■ **TASK STATEMENT**
Scan the data for "TIER" and copy the lines it appears in.

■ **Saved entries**

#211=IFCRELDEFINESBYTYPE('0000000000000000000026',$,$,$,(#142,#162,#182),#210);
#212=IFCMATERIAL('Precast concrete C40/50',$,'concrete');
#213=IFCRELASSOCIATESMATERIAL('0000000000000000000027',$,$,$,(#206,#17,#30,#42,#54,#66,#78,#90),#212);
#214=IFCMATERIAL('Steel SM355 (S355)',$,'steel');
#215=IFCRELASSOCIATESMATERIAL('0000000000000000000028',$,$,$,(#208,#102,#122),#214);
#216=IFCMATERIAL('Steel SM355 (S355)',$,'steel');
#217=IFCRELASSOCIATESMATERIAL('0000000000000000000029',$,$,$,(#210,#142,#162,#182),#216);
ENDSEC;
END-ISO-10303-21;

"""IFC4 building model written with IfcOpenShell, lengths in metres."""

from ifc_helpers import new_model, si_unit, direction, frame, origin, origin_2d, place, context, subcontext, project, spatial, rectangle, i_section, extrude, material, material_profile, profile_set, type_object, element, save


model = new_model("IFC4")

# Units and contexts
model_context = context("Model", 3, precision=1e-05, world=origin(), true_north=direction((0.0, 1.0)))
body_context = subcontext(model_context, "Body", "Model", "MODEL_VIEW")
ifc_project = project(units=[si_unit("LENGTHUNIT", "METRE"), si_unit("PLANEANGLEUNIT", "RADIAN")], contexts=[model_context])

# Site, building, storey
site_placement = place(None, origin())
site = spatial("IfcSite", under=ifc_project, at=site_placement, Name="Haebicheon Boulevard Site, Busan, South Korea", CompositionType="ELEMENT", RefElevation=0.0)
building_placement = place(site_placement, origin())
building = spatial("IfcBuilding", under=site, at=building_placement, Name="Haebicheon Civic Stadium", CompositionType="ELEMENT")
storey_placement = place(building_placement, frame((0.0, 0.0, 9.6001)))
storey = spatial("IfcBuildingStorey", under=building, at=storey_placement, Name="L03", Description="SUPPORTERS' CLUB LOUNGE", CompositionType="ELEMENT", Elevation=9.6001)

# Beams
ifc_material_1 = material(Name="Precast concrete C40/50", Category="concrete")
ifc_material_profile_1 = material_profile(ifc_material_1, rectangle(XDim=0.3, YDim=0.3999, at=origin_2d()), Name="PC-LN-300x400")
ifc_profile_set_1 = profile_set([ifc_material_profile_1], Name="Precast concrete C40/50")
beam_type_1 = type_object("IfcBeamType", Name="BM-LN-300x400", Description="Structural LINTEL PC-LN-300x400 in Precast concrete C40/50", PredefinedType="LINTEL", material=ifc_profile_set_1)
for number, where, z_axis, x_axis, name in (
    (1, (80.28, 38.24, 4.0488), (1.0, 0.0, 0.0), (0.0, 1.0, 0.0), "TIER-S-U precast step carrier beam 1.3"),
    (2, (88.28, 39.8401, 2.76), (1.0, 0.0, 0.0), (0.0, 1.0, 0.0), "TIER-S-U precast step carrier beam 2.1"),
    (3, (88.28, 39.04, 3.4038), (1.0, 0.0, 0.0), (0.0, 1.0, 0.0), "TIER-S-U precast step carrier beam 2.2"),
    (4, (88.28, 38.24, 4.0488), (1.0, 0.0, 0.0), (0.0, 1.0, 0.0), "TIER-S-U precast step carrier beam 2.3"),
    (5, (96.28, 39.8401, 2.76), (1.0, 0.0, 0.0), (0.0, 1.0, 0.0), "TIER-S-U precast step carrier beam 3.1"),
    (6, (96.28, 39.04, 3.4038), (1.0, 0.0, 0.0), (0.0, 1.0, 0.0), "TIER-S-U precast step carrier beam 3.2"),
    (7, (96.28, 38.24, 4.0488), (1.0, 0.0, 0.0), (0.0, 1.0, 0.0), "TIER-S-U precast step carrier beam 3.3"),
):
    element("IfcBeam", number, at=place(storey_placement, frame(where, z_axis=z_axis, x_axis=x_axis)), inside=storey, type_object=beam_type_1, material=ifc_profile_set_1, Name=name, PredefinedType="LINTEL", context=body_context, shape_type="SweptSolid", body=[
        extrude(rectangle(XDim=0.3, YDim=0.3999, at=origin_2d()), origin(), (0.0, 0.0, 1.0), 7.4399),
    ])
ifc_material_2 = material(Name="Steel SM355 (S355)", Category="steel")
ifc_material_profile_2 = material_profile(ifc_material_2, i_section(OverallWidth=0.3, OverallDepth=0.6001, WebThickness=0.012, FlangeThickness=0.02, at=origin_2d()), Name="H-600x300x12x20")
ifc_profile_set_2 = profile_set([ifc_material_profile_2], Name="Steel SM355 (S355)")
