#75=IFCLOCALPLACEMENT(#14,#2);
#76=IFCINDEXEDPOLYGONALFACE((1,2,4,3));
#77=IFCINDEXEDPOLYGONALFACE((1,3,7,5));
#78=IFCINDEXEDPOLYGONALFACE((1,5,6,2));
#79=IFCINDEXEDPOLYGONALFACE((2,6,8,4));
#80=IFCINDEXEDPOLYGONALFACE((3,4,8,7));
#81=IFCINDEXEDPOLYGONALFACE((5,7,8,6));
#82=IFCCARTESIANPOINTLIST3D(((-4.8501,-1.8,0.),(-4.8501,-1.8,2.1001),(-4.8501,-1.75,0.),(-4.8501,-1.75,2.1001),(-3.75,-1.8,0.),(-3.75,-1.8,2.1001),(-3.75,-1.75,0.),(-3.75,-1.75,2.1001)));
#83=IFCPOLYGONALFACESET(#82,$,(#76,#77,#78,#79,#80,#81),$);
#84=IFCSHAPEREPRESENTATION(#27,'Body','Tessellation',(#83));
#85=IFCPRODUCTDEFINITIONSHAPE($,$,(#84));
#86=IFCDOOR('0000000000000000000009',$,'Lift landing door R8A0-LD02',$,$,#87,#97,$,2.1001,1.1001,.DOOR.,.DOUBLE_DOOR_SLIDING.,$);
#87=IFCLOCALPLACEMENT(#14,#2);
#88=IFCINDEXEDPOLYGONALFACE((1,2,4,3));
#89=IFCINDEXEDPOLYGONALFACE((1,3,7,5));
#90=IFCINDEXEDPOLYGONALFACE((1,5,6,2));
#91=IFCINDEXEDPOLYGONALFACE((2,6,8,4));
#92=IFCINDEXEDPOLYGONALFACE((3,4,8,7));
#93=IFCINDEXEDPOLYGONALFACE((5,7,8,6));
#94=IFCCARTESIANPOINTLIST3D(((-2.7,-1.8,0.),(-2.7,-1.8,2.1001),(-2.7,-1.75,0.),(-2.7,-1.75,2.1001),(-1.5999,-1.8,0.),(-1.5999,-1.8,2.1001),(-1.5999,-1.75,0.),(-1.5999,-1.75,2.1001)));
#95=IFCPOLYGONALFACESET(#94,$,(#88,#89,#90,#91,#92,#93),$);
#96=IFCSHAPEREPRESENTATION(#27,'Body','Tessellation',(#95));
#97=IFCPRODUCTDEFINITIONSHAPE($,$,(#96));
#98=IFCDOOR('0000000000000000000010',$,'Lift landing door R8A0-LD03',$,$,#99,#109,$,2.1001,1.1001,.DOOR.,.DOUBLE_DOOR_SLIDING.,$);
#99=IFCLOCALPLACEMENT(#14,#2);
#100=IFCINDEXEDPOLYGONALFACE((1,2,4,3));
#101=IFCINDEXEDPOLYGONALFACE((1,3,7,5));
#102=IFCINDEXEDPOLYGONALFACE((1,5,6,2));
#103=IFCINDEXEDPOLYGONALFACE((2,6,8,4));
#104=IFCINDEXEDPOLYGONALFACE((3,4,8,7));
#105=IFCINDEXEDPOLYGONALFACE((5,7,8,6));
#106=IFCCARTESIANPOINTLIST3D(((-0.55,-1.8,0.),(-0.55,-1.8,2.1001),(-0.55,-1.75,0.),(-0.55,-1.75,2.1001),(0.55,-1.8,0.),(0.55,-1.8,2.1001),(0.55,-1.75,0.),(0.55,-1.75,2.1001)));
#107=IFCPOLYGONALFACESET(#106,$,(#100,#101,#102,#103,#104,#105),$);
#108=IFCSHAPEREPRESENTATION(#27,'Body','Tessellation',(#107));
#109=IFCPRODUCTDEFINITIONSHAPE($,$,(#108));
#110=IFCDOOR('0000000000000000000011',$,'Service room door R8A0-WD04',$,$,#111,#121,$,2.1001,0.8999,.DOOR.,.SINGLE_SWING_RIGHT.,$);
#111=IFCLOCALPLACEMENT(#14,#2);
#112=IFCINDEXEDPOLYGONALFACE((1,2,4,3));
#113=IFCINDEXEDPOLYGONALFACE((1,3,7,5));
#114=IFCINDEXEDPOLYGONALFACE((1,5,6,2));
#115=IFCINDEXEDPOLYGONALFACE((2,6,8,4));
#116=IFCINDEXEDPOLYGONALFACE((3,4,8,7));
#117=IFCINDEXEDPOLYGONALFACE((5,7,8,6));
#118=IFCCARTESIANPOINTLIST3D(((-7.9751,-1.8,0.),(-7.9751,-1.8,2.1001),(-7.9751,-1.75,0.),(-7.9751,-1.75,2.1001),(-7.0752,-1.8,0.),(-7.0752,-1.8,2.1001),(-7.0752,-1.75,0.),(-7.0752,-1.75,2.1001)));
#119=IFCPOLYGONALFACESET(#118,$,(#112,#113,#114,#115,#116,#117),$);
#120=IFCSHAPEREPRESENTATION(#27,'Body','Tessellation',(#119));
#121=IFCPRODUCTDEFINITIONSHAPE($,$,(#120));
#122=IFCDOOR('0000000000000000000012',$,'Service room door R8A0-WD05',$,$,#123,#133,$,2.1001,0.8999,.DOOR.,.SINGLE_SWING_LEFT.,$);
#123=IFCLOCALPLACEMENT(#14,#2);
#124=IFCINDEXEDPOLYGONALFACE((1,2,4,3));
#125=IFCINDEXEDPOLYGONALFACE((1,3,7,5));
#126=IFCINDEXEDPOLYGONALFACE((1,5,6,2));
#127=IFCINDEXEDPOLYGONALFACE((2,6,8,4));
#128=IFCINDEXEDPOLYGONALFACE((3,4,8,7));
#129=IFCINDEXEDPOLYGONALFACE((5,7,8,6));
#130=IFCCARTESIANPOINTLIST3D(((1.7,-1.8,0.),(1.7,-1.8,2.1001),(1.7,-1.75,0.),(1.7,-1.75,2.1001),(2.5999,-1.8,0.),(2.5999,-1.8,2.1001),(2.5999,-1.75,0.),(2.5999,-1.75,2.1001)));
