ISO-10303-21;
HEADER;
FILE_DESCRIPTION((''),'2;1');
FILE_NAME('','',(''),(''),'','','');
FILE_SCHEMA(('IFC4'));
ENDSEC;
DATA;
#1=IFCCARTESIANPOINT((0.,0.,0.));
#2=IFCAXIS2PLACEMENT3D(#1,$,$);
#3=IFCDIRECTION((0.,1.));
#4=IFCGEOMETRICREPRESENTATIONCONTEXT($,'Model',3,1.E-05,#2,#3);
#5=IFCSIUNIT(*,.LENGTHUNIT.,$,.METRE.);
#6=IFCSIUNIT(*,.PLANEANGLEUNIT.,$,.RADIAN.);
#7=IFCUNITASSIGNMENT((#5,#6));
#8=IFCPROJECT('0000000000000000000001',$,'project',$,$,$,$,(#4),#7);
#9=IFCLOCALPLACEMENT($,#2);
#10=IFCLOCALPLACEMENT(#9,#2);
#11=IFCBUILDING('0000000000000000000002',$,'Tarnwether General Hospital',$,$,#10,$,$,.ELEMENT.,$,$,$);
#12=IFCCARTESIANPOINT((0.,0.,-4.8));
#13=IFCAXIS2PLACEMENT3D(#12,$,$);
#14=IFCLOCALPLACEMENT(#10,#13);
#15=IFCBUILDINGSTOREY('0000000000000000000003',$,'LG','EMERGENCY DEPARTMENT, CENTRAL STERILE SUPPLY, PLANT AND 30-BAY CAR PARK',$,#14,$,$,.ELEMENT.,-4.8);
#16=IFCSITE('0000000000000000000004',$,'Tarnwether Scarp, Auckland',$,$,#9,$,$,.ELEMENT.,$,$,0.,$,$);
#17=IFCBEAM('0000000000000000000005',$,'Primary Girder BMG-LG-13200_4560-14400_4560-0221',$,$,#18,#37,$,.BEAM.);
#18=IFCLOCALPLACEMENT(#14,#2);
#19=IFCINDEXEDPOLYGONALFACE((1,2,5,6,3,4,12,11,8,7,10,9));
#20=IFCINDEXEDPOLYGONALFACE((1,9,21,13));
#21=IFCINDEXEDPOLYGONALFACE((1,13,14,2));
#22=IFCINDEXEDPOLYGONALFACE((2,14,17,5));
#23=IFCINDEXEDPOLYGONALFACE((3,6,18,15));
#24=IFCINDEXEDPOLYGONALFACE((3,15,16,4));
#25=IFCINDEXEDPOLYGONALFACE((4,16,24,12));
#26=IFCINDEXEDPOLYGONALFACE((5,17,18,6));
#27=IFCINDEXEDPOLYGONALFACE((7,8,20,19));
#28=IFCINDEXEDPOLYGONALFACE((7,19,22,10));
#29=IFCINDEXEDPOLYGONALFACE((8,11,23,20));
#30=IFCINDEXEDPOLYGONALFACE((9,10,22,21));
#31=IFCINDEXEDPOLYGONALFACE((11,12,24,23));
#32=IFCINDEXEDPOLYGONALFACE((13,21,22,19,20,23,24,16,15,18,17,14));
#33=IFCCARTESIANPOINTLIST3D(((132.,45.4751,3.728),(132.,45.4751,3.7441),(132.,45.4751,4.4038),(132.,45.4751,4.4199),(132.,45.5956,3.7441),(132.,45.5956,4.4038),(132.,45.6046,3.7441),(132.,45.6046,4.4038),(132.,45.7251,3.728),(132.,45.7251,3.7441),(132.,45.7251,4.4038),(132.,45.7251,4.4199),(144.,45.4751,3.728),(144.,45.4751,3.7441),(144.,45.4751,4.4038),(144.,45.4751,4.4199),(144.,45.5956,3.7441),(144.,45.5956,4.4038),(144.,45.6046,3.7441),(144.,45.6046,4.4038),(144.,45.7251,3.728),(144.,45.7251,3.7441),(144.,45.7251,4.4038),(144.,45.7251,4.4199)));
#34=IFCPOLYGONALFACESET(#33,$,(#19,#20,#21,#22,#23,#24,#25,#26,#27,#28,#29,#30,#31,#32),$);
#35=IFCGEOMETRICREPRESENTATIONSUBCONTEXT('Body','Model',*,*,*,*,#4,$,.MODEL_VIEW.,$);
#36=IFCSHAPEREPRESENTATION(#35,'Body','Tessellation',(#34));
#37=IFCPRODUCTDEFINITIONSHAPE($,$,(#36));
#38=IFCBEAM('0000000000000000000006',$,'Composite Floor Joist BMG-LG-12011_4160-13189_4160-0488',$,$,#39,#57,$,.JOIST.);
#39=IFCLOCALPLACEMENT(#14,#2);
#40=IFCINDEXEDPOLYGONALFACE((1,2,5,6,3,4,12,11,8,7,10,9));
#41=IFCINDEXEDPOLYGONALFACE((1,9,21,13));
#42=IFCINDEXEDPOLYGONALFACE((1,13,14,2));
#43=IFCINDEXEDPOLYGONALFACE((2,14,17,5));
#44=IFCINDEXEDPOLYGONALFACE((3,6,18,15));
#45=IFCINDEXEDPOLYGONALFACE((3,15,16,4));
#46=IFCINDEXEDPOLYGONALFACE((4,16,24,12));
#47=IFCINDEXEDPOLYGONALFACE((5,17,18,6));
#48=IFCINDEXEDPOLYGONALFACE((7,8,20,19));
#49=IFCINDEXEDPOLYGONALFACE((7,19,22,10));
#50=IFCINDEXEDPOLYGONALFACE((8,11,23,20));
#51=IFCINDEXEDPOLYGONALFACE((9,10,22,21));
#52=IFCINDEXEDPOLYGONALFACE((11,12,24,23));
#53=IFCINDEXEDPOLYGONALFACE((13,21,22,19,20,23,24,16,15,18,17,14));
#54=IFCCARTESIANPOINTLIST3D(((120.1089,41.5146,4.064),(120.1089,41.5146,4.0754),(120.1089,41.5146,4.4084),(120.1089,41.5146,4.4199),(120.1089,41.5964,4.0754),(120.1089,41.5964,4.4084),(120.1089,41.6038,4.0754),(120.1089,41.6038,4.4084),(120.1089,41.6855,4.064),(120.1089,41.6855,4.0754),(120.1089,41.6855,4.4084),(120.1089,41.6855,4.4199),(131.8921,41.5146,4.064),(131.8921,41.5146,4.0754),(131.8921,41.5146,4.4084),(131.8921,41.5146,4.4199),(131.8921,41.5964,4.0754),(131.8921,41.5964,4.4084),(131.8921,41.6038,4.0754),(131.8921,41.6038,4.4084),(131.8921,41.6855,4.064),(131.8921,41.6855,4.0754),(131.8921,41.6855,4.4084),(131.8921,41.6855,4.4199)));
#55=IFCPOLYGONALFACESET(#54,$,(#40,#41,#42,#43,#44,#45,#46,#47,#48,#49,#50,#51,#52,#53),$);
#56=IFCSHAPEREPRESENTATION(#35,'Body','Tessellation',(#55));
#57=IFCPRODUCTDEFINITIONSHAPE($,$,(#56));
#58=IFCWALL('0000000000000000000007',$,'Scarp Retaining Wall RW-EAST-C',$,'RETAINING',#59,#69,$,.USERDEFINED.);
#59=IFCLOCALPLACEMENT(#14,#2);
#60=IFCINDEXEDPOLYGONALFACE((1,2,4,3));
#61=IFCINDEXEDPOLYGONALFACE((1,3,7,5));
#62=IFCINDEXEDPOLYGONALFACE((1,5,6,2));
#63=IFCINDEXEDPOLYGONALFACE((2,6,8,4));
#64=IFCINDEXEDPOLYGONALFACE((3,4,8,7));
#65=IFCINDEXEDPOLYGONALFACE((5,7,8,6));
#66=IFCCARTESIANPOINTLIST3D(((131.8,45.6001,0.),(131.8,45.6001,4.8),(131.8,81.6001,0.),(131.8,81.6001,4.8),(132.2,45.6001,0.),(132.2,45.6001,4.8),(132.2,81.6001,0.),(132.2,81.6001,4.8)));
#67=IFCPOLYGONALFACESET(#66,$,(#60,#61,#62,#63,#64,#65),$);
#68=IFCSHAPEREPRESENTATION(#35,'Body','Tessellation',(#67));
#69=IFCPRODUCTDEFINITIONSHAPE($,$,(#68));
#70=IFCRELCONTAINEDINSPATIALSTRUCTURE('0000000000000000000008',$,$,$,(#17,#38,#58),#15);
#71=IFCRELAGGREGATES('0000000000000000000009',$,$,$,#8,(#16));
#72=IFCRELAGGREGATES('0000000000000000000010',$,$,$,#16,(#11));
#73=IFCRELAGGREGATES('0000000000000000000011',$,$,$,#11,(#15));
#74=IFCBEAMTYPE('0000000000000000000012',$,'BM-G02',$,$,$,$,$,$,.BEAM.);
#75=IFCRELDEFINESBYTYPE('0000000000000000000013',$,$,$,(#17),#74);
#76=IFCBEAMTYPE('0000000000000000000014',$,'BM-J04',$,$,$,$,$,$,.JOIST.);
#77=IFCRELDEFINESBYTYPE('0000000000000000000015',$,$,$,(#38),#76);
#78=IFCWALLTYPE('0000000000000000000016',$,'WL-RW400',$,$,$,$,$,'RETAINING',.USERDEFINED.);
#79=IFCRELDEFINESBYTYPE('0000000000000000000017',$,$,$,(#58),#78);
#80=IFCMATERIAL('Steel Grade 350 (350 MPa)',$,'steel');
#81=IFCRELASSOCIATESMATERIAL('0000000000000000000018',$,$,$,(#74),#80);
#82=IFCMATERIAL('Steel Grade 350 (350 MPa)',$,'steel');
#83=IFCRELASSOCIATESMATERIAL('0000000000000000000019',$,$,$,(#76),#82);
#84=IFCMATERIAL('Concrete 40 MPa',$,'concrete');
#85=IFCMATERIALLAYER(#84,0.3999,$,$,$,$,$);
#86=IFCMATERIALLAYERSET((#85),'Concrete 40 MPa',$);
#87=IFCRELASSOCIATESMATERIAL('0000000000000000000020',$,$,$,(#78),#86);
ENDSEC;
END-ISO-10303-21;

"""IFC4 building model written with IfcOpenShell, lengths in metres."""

from ifc_helpers import new_model, si_unit, direction, frame, frame_2d, origin, origin_2d, place, context, subcontext, project, spatial, rectangle, i_section, extrude, material, layer, layer_set, material_profile, profile_set, type_object, element, save


model = new_model("IFC4")

# Units and contexts
model_context = context("Model", 3, precision=1e-05, world=origin(), true_north=direction((0.0, 1.0)))
body_context = subcontext(model_context, "Body", "Model", "MODEL_VIEW")
ifc_project = project(units=[si_unit("LENGTHUNIT", "METRE"), si_unit("PLANEANGLEUNIT", "RADIAN")], contexts=[model_context])

# Site, building, storey
site_placement = place(None, origin())
site = spatial("IfcSite", under=ifc_project, at=site_placement, Name="Tarnwether Scarp, Auckland", CompositionType="ELEMENT", RefElevation=0.0)
building_placement = place(site_placement, origin())
building = spatial("IfcBuilding", under=site, at=building_placement, Name="Tarnwether General Hospital", CompositionType="ELEMENT")
storey_placement = place(building_placement, frame((0.0, 0.0, -4.8)))
storey = spatial("IfcBuildingStorey", under=building, at=storey_placement, Name="LG", Description="EMERGENCY DEPARTMENT, CENTRAL STERILE SUPPLY, PLANT AND 30-BAY CAR PARK", CompositionType="ELEMENT", Elevation=-4.8)

# Beams
ifc_material_1 = material(Name="Steel Grade 350 (350 MPa)", Category="steel")
ifc_material_profile_1 = material_profile(ifc_material_1, i_section(OverallWidth=0.25, OverallDepth=0.6919, WebThickness=0.009, FlangeThickness=0.0161, at=origin_2d()), Name="700WB115")
ifc_profile_set_1 = profile_set([ifc_material_profile_1], Name="Steel Grade 350 (350 MPa)")
beam_type_1 = type_object("IfcBeamType", Name="BM-G02", PredefinedType="BEAM", material=ifc_profile_set_1)
beam_1_placement = place(storey_placement, frame((132.0, 45.6001, 4.074), z_axis=(1.0, 0.0, 0.0), x_axis=(0.0, 1.0, 0.0)))
element("IfcBeam", 1, at=beam_1_placement, inside=storey, type_object=beam_type_1, Name="Primary Girder BMG-LG-13200_4560-14400_4560-0221", PredefinedType="BEAM", context=body_context, shape_type="SweptSolid", body=[
    extrude(i_section(OverallWidth=0.25, OverallDepth=0.6919, WebThickness=0.009, FlangeThickness=0.0161, at=origin_2d()), origin(), (0.0, 0.0, 1.0), 12.0),
])
ifc_material_2 = material(Name="Steel Grade 350 (350 MPa)", Category="steel")
ifc_material_profile_2 = material_profile(ifc_material_2, i_section(OverallWidth=0.1709, OverallDepth=0.356, WebThickness=0.0073, FlangeThickness=0.0115, at=origin_2d()), Name="360UB50.7")
ifc_profile_set_2 = profile_set([ifc_material_profile_2], Name="Steel Grade 350 (350 MPa)")
beam_type_2 = type_object("IfcBeamType", Name="BM-J04", PredefinedType="JOIST", material=ifc_profile_set_2)
beam_2_placement = place(storey_placement, frame((120.1089, 41.6001, 4.2419), z_axis=(1.0, 0.0, 0.0), x_axis=(0.0, 1.0, 0.0)))
element("IfcBeam", 2, at=beam_2_placement, inside=storey, type_object=beam_type_2, Name="Composite Floor Joist BMG-LG-12011_4160-13189_4160-0488", PredefinedType="JOIST", context=body_context, shape_type="SweptSolid", body=[
    extrude(i_section(OverallWidth=0.1709, OverallDepth=0.356, WebThickness=0.0073, FlangeThickness=0.0115, at=origin_2d()), origin(), (0.0, 0.0, 1.0), 11.7832),
])

# Wall
ifc_material_3 = material(Name="Concrete 40 MPa", Category="concrete")
ifc_layer = layer(ifc_material_3, 0.3999)
ifc_layer_set = layer_set([ifc_layer], Name="Concrete 40 MPa")
wall_type = type_object("IfcWallType", Name="WL-RW400", ElementType="RETAINING", PredefinedType="USERDEFINED", material=ifc_layer_set)
wall_placement = place(storey_placement, frame((132.0, 45.6001, 0.0), z_axis=(0.0, 0.0, 1.0), x_axis=(0.0, 1.0, 0.0)))
element("IfcWall", 3, at=wall_placement, inside=storey, type_object=wall_type, Name="Scarp Retaining Wall RW-EAST-C", ObjectType="RETAINING", PredefinedType="USERDEFINED", context=body_context, shape_type="SweptSolid", body=[
    extrude(rectangle(XDim=36.0, YDim=0.3999, at=frame_2d((18.0, 0.0))), origin(), (0.0, 0.0, 1.0), 4.8),
])

save(model, "model.ifc")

■ **ANSWER FOR THE TASK**
    (1, (80.28, 38.24, 4.0488), (1.0, 0.0, 0.0), (0.0, 1.0, 0.0), "TIER-S-U precast step carrier beam 1.3"),
    (2, (88.28, 39.8401, 2.76), (1.0, 0.0, 0.0), (0.0, 1.0, 0.0), "TIER-S-U precast step carrier beam 2.1"),
    (3, (88.28, 39.04, 3.4038), (1.0, 0.0, 0.0), (0.0, 1.0, 0.0), "TIER-S-U precast step carrier beam 2.2"),
    (4, (88.28, 38.24, 4.0488), (1.0, 0.0, 0.0), (0.0, 1.0, 0.0), "TIER-S-U precast step carrier beam 2.3"),
    (5, (96.28, 39.8401, 2.76), (1.0, 0.0, 0.0), (0.0, 1.0, 0.0), "TIER-S-U precast step carrier beam 3.1"),
    (6, (96.28, 39.04, 3.4038), (1.0, 0.0, 0.0), (0.0, 1.0, 0.0), "TIER-S-U precast step carrier beam 3.2"),
    (7, (96.28, 38.24, 4.0488), (1.0, 0.0, 0.0), (0.0, 1.0, 0.0), "TIER-S-U precast step carrier beam 3.3"),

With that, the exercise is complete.